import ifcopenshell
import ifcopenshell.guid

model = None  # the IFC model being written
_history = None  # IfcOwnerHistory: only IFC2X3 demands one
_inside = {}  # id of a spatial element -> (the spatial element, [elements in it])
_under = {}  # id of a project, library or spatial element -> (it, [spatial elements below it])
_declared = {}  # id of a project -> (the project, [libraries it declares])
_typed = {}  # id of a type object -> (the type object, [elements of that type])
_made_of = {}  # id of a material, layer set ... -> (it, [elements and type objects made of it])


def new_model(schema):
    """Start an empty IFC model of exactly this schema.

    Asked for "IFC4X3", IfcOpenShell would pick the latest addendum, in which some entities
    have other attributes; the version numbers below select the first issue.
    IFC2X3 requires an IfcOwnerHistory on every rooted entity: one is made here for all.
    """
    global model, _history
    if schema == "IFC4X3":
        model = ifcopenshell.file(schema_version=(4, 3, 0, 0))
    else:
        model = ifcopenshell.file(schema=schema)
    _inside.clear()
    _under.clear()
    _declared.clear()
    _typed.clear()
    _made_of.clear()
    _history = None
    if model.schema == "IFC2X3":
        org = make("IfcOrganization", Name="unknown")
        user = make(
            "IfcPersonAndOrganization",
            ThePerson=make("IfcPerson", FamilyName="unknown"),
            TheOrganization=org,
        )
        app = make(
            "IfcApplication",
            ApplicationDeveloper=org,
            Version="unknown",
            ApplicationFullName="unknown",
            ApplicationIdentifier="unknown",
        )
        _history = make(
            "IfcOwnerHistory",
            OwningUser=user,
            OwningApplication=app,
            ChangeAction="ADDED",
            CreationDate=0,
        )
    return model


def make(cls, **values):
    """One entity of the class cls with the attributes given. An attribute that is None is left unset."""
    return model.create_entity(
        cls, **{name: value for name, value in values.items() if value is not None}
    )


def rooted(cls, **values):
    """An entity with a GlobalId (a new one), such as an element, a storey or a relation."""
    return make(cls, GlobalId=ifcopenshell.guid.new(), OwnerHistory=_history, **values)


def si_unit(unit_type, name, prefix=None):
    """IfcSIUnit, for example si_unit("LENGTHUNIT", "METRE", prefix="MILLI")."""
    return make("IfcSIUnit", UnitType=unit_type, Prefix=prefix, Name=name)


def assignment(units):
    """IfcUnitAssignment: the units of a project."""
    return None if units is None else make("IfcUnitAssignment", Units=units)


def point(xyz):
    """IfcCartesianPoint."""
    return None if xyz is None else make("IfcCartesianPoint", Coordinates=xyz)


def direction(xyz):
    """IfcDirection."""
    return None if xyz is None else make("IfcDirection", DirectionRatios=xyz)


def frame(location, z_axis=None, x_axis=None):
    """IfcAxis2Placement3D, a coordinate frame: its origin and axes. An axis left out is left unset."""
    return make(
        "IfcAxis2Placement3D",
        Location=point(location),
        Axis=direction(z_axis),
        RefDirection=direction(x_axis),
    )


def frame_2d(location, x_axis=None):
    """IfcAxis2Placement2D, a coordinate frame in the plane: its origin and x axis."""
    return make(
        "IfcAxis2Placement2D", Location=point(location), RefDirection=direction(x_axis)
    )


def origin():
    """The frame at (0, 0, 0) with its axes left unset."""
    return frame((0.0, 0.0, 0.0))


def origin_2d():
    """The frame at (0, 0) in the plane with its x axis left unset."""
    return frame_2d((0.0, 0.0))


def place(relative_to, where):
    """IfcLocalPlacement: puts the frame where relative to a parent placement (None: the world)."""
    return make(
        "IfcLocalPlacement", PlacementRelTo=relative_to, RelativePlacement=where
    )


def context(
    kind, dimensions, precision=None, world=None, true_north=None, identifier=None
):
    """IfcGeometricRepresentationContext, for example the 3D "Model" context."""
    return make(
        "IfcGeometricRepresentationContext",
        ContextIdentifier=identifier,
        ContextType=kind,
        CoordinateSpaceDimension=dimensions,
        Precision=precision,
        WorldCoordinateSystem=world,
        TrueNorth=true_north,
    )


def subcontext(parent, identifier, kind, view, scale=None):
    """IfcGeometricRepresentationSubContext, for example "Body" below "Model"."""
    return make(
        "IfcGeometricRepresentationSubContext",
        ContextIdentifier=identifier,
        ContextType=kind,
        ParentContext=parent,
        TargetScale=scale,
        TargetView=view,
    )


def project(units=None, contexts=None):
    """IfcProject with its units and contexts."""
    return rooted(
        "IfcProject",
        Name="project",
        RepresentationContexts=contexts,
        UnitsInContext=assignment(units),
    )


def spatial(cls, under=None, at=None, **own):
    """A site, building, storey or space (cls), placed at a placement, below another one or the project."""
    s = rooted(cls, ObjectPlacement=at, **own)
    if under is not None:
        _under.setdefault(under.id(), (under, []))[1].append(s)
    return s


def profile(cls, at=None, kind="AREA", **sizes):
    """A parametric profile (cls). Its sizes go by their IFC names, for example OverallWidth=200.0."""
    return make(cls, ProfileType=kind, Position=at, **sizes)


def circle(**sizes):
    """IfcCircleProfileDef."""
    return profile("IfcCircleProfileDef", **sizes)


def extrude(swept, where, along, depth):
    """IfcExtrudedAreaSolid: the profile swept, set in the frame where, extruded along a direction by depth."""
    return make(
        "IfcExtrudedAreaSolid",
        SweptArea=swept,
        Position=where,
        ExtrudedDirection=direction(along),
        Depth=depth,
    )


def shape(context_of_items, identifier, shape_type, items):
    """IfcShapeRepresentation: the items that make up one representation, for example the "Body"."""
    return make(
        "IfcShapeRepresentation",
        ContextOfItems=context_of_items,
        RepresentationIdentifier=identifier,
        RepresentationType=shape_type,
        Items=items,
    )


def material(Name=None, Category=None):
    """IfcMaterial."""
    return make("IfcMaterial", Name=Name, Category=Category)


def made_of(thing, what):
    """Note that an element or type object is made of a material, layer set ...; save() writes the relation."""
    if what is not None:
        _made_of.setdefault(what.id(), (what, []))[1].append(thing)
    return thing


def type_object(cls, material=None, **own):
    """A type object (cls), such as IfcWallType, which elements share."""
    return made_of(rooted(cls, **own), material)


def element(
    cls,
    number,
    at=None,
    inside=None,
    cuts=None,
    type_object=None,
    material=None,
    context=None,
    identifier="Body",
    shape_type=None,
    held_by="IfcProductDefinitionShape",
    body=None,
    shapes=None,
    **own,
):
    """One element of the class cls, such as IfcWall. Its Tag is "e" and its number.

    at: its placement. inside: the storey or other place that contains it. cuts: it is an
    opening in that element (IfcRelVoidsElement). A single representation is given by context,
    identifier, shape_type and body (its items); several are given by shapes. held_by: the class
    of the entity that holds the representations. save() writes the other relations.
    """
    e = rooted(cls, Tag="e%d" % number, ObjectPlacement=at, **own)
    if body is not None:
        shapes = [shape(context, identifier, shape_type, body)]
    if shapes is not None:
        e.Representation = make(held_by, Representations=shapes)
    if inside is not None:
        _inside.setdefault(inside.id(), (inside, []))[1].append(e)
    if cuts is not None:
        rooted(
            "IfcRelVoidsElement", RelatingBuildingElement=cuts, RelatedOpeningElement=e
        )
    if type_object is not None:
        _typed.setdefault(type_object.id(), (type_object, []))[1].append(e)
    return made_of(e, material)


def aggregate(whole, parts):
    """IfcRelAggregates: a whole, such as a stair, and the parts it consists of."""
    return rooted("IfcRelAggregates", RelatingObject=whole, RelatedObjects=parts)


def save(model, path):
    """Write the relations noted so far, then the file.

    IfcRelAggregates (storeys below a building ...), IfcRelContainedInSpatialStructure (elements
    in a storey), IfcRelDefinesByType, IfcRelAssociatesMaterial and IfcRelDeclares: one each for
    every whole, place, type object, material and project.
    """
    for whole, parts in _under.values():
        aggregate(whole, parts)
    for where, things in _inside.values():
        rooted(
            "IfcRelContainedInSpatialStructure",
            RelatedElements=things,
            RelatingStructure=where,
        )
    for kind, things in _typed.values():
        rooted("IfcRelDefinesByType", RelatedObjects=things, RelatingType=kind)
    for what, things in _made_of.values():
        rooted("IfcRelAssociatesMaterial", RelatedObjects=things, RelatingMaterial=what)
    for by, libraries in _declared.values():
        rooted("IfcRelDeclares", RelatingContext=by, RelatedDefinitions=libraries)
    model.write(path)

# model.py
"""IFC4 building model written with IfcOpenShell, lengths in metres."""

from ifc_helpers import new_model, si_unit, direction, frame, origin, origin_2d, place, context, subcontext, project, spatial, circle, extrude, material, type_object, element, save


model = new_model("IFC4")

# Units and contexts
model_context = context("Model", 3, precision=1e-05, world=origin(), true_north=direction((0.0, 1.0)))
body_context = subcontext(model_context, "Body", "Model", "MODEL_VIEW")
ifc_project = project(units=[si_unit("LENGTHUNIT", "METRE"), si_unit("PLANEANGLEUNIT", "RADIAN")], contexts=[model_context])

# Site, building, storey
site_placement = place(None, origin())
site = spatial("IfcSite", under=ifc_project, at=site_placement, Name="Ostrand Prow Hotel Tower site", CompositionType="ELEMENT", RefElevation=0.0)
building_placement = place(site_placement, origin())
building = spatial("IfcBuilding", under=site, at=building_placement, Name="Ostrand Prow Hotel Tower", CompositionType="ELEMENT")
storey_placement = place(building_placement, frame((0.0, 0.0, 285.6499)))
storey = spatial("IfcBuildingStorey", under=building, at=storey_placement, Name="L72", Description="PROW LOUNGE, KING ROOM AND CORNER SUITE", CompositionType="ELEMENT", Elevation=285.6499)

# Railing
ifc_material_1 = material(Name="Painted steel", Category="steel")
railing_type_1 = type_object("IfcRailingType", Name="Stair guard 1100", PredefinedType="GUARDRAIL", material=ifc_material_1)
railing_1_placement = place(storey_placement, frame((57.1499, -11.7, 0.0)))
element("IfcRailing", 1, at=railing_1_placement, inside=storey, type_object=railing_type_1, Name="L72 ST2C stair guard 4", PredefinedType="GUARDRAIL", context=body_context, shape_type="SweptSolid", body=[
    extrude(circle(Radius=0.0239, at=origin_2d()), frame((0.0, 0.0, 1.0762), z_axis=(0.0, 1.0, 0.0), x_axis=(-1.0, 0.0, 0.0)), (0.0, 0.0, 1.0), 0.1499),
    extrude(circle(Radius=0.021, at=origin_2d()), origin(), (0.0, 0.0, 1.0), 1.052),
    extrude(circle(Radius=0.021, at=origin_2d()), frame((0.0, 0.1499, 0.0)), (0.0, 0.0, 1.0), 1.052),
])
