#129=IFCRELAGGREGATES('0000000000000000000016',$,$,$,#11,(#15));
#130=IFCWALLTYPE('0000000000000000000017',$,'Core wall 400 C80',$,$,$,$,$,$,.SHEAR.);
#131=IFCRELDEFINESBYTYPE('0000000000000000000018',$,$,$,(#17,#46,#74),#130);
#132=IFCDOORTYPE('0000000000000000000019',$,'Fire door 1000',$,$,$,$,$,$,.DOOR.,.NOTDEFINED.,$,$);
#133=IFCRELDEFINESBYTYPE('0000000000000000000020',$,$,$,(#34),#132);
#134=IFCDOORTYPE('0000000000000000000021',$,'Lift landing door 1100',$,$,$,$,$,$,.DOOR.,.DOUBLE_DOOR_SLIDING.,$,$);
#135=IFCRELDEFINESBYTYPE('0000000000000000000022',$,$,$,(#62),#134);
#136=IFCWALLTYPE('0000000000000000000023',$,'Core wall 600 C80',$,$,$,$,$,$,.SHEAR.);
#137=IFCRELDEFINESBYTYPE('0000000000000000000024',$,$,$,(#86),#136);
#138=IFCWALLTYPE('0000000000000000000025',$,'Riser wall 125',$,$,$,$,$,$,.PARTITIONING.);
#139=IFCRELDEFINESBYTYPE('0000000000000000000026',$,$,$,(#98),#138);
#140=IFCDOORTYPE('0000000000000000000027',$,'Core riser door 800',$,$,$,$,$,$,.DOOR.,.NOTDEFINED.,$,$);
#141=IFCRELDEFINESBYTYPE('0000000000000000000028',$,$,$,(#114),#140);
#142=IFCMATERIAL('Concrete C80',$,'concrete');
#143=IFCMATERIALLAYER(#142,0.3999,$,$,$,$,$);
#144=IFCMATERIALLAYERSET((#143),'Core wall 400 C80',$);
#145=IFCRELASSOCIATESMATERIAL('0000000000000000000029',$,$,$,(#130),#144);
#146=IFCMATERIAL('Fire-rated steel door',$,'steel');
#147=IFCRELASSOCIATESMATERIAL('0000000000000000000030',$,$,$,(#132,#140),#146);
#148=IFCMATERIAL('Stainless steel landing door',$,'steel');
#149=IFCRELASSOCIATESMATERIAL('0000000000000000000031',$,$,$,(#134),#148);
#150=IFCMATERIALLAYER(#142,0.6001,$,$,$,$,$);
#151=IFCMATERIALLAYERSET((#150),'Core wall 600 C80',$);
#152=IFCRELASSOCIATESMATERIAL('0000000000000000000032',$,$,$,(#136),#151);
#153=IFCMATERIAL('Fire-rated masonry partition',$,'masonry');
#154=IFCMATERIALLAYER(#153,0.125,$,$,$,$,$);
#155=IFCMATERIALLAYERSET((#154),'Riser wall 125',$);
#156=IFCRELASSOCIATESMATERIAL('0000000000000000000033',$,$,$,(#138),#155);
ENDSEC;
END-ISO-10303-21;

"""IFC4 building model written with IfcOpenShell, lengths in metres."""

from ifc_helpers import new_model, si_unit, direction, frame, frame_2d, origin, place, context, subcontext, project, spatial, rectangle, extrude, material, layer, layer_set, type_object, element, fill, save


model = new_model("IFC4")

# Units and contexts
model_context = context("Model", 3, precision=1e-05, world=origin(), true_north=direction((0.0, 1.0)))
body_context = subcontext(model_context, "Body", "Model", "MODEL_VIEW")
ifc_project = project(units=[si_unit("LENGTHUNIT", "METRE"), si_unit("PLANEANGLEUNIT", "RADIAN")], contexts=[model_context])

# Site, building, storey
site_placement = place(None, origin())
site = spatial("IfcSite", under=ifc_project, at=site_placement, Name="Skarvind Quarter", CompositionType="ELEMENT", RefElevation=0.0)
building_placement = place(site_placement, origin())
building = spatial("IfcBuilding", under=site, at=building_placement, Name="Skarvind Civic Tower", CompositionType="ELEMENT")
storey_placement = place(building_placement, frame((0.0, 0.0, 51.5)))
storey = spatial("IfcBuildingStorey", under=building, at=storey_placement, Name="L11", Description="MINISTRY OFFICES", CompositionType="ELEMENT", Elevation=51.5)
________________________________________
**Your assignment**: Would you output, from the records above, exactly the run of lines that starts at the line containing "IfcRelAggregates (storeys below" and ends at the line containing "for by, libraries", and only that run?

**Written solution**:
    IfcRelAggregates (storeys below a building ...), IfcRelContainedInSpatialStructure (elements
    in a storey), IfcRelDefinesByType, IfcRelAssociatesMaterial and IfcRelDeclares: one each for
    every whole, place, type object, material and project.
    """
    for whole, parts in _under.values():
        aggregate(whole, parts)
    for where, things in _inside.values():
        rooted(
            "IfcRelContainedInSpatialStructure",
            RelatedElements=things,
            RelatingStructure=where,
        )
    for kind, things in _typed.values():
        rooted("IfcRelDefinesByType", RelatedObjects=things, RelatingType=kind)
    for what, things in _made_of.values():
        rooted("IfcRelAssociatesMaterial", RelatedObjects=things, RelatingMaterial=what)
    for by, libraries in _declared.values():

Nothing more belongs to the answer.